Would you reproduce, without any alteration, the lines from the opening line of the entries through the line that has "#101=IFCINDEXEDPOLYGONALFACE((67,71,72,68));" in it?
** INPUT RECORDS follows **
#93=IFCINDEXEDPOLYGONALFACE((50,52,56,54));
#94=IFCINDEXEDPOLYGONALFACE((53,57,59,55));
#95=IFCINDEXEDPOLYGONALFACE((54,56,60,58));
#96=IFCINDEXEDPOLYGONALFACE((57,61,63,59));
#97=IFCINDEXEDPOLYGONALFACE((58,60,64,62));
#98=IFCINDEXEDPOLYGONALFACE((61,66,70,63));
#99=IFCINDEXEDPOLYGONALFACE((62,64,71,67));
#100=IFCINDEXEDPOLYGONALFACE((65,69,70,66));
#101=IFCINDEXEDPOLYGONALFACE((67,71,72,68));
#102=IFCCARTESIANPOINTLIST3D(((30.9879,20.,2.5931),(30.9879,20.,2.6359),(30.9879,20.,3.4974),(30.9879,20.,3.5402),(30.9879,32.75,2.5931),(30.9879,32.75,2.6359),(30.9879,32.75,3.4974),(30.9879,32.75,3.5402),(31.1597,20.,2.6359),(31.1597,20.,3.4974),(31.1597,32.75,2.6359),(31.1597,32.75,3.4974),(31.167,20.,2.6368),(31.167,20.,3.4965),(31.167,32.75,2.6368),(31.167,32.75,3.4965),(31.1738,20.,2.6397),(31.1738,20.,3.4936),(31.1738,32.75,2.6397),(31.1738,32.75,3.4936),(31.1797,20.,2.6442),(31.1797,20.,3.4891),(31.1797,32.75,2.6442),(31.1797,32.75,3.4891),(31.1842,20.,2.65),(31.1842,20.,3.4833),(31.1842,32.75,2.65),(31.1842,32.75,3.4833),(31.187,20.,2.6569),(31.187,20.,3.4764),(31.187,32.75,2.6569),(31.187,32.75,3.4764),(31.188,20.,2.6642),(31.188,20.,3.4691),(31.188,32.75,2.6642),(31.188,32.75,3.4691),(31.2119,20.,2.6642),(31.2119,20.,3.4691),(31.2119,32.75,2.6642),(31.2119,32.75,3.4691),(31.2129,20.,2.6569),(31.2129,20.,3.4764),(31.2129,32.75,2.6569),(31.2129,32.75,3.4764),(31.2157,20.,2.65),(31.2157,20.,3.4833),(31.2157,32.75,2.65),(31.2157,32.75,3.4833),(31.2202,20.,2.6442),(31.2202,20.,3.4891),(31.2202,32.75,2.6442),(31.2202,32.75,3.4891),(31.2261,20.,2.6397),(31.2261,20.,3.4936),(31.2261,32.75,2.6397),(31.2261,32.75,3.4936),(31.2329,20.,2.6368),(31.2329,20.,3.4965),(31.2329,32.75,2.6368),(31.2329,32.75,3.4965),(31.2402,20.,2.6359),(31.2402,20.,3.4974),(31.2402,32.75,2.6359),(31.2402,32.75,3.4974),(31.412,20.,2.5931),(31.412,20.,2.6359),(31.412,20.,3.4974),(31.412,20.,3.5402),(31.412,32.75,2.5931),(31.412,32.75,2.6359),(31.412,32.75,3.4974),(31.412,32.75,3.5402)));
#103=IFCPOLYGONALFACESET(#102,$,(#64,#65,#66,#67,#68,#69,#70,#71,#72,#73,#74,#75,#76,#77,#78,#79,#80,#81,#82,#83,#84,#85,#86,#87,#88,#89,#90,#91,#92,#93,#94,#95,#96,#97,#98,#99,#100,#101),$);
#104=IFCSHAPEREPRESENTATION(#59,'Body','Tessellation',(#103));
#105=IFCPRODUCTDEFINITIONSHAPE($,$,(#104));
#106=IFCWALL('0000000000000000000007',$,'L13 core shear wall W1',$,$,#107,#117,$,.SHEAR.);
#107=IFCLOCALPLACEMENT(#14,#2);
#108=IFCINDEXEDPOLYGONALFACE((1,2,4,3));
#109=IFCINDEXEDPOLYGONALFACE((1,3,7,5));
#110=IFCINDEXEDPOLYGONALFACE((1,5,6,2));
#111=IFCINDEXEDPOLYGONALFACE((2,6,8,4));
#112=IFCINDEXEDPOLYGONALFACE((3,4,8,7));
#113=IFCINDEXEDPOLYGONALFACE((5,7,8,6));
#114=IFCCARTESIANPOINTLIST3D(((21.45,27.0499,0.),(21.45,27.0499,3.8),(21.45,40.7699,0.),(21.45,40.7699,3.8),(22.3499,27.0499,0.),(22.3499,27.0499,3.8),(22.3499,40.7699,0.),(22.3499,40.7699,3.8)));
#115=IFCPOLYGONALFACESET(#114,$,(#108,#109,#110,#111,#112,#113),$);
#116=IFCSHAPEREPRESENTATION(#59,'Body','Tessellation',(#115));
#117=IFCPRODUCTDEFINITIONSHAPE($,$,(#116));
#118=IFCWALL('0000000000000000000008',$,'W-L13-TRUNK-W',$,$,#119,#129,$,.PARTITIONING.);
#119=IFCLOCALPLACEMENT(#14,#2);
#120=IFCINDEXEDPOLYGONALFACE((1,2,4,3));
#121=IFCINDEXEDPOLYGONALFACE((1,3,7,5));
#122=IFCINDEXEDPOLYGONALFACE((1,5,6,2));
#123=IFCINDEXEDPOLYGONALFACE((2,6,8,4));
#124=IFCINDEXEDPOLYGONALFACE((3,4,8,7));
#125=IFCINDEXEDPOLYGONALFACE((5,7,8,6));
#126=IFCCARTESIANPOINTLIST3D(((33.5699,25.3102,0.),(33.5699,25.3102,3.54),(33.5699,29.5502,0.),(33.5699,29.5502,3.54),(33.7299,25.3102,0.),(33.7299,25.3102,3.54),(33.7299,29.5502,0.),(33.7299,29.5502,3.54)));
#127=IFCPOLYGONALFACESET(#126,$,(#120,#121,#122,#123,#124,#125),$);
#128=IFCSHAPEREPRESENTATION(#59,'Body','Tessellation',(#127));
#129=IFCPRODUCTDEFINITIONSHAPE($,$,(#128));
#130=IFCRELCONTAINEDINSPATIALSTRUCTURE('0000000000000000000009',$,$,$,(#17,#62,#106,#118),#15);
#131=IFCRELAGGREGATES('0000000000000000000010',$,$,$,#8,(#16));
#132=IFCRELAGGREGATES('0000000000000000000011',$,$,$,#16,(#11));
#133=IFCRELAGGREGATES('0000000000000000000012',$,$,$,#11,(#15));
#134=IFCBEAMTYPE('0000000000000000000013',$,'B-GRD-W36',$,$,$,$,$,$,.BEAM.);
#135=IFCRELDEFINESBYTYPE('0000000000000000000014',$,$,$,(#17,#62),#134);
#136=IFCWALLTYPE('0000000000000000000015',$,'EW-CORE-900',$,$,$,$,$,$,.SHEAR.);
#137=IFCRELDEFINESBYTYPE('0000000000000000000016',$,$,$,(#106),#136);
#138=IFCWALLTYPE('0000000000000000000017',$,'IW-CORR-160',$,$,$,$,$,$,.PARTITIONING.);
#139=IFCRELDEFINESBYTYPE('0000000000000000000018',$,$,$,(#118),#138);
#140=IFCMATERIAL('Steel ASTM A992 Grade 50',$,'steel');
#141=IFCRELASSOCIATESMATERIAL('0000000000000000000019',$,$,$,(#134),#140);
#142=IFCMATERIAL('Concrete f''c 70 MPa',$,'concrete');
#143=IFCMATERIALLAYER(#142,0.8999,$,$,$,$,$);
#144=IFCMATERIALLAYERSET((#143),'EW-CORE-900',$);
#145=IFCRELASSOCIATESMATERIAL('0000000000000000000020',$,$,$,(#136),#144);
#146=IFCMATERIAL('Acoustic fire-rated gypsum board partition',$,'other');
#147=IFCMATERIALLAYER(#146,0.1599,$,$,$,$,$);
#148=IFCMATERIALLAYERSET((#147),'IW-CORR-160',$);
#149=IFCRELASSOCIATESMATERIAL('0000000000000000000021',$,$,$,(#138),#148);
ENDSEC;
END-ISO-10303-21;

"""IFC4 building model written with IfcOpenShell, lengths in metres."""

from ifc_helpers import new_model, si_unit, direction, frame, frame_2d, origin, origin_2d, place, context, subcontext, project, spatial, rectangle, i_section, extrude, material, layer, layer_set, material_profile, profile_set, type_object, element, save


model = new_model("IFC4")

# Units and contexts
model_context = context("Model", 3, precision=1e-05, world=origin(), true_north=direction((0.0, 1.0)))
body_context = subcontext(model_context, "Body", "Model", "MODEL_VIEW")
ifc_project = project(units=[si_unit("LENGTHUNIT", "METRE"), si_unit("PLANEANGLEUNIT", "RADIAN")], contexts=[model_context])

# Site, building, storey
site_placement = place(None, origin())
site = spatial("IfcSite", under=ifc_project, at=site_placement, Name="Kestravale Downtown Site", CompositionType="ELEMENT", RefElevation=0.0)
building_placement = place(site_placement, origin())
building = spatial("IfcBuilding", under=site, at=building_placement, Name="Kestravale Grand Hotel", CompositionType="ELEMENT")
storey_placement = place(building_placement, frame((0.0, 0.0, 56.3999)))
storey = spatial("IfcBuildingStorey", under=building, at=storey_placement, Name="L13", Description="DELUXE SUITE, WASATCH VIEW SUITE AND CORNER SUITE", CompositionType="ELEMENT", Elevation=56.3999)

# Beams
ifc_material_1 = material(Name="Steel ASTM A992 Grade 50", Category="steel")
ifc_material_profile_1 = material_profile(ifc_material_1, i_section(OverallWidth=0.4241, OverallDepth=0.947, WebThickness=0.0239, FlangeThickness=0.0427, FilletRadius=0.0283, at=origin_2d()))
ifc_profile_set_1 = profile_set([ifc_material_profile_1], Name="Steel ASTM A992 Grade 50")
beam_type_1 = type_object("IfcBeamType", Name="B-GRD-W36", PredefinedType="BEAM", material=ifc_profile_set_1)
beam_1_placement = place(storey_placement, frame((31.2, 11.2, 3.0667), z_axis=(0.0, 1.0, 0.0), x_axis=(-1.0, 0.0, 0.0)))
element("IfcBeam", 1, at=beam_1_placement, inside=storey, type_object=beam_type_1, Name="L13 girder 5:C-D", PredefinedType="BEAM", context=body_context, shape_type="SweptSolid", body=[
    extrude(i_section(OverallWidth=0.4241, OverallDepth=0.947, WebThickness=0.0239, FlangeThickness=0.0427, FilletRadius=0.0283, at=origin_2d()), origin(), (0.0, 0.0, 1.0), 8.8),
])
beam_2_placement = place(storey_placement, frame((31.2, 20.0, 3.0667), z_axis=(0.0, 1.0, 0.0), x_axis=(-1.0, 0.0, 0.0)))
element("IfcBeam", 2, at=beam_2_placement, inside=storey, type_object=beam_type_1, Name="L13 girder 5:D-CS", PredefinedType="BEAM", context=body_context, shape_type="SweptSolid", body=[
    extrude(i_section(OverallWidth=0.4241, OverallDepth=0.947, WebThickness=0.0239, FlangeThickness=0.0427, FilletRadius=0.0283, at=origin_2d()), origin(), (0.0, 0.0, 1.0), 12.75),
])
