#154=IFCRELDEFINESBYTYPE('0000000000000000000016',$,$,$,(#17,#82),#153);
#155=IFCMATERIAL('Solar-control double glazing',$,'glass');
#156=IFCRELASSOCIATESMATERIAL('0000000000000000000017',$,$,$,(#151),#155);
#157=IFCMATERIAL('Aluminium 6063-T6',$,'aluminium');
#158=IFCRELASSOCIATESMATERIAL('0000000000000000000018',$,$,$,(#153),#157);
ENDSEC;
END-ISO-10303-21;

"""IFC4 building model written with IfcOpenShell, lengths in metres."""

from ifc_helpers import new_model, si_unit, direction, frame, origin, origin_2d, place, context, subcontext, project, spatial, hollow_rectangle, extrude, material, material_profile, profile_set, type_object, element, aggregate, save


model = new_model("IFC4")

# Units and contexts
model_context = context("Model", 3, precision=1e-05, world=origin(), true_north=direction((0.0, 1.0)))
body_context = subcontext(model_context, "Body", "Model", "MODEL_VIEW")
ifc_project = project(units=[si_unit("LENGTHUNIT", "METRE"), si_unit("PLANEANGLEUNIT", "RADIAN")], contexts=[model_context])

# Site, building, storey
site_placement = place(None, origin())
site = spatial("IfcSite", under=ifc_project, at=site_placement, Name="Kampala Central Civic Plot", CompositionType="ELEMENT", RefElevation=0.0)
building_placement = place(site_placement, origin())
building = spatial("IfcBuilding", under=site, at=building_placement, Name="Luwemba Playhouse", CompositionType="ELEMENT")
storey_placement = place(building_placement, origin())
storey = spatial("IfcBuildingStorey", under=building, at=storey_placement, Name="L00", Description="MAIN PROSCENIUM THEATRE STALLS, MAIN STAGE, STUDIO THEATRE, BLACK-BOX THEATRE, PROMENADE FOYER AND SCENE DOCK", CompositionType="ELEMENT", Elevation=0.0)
** End of INPUT RECORDS **
__RESULT OF THE EXERCISE__:
#93=IFCINDEXEDPOLYGONALFACE((50,52,56,54));
#94=IFCINDEXEDPOLYGONALFACE((53,57,59,55));
#95=IFCINDEXEDPOLYGONALFACE((54,56,60,58));
#96=IFCINDEXEDPOLYGONALFACE((57,61,63,59));
#97=IFCINDEXEDPOLYGONALFACE((58,60,64,62));
#98=IFCINDEXEDPOLYGONALFACE((61,66,70,63));
#99=IFCINDEXEDPOLYGONALFACE((62,64,71,67));
#100=IFCINDEXEDPOLYGONALFACE((65,69,70,66));
#101=IFCINDEXEDPOLYGONALFACE((67,71,72,68));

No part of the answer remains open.